Task item: Which lines run from the line with "#65=IFCLOCALPLACEMENT(#14,#2);" through the line with "#91=IFCINDEXEDPOLYGONALFACE((1,3,7,5));" in the entries below? Print them exactly, both ends included, and nothing more.

Saved entries:
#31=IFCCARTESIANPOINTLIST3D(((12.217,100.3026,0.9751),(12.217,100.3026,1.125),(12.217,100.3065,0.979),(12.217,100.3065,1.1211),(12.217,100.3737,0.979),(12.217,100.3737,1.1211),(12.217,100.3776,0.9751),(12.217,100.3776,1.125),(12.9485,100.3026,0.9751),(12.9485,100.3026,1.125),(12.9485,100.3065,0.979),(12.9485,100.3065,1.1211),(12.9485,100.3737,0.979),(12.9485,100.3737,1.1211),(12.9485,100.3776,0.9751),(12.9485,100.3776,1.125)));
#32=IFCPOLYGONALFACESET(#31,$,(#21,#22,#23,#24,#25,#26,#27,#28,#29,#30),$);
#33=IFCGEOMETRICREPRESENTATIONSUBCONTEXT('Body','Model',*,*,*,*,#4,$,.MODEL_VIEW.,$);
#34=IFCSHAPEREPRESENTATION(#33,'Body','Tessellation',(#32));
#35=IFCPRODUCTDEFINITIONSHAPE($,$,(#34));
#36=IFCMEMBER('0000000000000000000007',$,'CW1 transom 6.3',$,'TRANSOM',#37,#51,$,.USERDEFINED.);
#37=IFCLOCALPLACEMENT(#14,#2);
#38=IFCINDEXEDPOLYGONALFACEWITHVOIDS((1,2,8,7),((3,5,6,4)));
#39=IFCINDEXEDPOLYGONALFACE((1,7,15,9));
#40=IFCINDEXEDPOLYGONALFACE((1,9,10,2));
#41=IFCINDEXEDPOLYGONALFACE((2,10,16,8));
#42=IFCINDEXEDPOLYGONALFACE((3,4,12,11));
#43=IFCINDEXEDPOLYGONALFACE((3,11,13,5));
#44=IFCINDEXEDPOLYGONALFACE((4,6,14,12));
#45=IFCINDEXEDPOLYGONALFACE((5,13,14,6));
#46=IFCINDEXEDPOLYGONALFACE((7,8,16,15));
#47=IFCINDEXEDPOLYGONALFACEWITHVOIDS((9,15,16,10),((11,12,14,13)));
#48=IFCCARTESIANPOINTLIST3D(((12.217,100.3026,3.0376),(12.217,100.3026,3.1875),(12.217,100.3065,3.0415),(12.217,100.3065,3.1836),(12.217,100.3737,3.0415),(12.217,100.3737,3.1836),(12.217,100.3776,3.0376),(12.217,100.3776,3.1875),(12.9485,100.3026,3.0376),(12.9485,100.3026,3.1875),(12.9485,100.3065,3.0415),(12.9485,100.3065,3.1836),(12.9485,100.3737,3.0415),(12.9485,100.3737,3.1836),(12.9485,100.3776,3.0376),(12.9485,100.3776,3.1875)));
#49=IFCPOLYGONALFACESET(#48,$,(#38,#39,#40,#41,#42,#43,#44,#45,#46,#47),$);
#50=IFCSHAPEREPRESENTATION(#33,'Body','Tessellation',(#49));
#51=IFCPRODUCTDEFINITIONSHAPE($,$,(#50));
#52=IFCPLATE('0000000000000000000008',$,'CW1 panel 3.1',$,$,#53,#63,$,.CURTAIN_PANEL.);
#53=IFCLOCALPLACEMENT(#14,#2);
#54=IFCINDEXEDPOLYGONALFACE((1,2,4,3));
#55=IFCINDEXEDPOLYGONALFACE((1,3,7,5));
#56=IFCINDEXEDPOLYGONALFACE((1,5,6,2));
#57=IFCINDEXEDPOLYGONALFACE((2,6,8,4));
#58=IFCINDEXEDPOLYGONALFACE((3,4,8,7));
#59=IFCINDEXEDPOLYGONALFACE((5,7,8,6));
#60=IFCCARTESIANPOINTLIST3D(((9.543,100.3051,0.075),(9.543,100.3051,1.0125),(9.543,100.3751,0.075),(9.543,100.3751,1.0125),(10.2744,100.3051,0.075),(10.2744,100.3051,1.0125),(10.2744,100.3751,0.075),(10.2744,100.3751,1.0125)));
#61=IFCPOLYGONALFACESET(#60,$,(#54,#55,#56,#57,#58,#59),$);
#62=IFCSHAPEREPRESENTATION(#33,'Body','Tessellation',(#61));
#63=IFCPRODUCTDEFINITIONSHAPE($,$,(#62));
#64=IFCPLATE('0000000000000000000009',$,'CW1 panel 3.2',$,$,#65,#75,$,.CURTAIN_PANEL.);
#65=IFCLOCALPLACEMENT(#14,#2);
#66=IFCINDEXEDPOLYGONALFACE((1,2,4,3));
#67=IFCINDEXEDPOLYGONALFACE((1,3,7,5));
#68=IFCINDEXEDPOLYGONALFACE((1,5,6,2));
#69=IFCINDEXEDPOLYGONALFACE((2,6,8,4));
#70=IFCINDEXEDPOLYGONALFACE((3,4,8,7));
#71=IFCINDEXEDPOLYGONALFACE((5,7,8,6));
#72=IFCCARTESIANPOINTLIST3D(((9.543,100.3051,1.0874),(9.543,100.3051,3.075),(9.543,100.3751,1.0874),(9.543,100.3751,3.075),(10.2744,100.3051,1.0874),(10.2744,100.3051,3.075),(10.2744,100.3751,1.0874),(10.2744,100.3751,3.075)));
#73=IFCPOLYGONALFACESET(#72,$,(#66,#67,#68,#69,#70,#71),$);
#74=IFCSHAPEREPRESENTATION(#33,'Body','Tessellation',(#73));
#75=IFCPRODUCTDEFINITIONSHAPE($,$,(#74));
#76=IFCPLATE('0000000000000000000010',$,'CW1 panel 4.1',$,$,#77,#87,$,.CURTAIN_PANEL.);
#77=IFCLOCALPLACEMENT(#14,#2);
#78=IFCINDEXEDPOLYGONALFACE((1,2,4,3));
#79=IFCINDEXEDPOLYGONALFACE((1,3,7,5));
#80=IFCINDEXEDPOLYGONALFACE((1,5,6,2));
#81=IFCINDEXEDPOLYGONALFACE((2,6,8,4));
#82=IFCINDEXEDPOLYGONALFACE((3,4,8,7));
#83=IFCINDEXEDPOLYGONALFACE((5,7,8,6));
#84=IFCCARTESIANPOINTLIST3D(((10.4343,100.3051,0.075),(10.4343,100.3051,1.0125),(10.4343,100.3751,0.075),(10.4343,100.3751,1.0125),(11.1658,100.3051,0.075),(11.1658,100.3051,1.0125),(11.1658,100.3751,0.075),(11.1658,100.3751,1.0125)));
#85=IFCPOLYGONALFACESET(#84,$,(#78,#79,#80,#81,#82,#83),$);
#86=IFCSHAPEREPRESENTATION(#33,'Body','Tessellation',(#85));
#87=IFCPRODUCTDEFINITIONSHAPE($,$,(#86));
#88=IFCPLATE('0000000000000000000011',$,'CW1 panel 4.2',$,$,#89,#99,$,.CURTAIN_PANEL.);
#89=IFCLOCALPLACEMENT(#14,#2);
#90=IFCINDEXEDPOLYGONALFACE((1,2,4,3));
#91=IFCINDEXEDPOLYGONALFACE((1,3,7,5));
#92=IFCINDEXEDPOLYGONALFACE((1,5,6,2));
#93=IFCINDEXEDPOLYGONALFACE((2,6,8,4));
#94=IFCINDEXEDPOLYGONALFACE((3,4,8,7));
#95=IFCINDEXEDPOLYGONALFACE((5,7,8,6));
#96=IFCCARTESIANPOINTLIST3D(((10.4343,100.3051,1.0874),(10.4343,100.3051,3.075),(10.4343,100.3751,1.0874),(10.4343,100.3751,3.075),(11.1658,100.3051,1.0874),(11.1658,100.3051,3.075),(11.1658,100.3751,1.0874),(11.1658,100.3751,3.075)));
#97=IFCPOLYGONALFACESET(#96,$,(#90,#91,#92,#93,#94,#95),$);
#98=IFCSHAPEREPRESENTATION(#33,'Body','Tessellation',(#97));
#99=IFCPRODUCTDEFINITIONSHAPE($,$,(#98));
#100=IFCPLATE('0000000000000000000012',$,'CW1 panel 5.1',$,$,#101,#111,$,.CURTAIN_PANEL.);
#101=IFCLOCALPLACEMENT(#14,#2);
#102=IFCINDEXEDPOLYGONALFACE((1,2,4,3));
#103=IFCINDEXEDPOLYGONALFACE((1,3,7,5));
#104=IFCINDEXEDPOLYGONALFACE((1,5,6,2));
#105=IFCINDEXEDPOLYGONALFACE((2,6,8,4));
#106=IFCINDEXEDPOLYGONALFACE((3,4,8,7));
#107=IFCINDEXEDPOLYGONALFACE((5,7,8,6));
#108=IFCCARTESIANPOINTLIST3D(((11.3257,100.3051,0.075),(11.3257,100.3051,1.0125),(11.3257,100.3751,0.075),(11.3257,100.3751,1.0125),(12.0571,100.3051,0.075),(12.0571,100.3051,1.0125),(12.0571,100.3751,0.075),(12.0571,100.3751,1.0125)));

Response to the exercise:
#65=IFCLOCALPLACEMENT(#14,#2);
#66=IFCINDEXEDPOLYGONALFACE((1,2,4,3));
#67=IFCINDEXEDPOLYGONALFACE((1,3,7,5));
#68=IFCINDEXEDPOLYGONALFACE((1,5,6,2));
#69=IFCINDEXEDPOLYGONALFACE((2,6,8,4));
#70=IFCINDEXEDPOLYGONALFACE((3,4,8,7));
#71=IFCINDEXEDPOLYGONALFACE((5,7,8,6));
#72=IFCCARTESIANPOINTLIST3D(((9.543,100.3051,1.0874),(9.543,100.3051,3.075),(9.543,100.3751,1.0874),(9.543,100.3751,3.075),(10.2744,100.3051,1.0874),(10.2744,100.3051,3.075),(10.2744,100.3751,1.0874),(10.2744,100.3751,3.075)));
#73=IFCPOLYGONALFACESET(#72,$,(#66,#67,#68,#69,#70,#71),$);
#74=IFCSHAPEREPRESENTATION(#33,'Body','Tessellation',(#73));
#75=IFCPRODUCTDEFINITIONSHAPE($,$,(#74));
#76=IFCPLATE('0000000000000000000010',$,'CW1 panel 4.1',$,$,#77,#87,$,.CURTAIN_PANEL.);
#77=IFCLOCALPLACEMENT(#14,#2);
#78=IFCINDEXEDPOLYGONALFACE((1,2,4,3));
#79=IFCINDEXEDPOLYGONALFACE((1,3,7,5));
#80=IFCINDEXEDPOLYGONALFACE((1,5,6,2));
#81=IFCINDEXEDPOLYGONALFACE((2,6,8,4));
#82=IFCINDEXEDPOLYGONALFACE((3,4,8,7));
#83=IFCINDEXEDPOLYGONALFACE((5,7,8,6));
#84=IFCCARTESIANPOINTLIST3D(((10.4343,100.3051,0.075),(10.4343,100.3051,1.0125),(10.4343,100.3751,0.075),(10.4343,100.3751,1.0125),(11.1658,100.3051,0.075),(11.1658,100.3051,1.0125),(11.1658,100.3751,0.075),(11.1658,100.3751,1.0125)));
#85=IFCPOLYGONALFACESET(#84,$,(#78,#79,#80,#81,#82,#83),$);
#86=IFCSHAPEREPRESENTATION(#33,'Body','Tessellation',(#85));
#87=IFCPRODUCTDEFINITIONSHAPE($,$,(#86));
#88=IFCPLATE('0000000000000000000011',$,'CW1 panel 4.2',$,$,#89,#99,$,.CURTAIN_PANEL.);
#89=IFCLOCALPLACEMENT(#14,#2);
#90=IFCINDEXEDPOLYGONALFACE((1,2,4,3));
#91=IFCINDEXEDPOLYGONALFACE((1,3,7,5));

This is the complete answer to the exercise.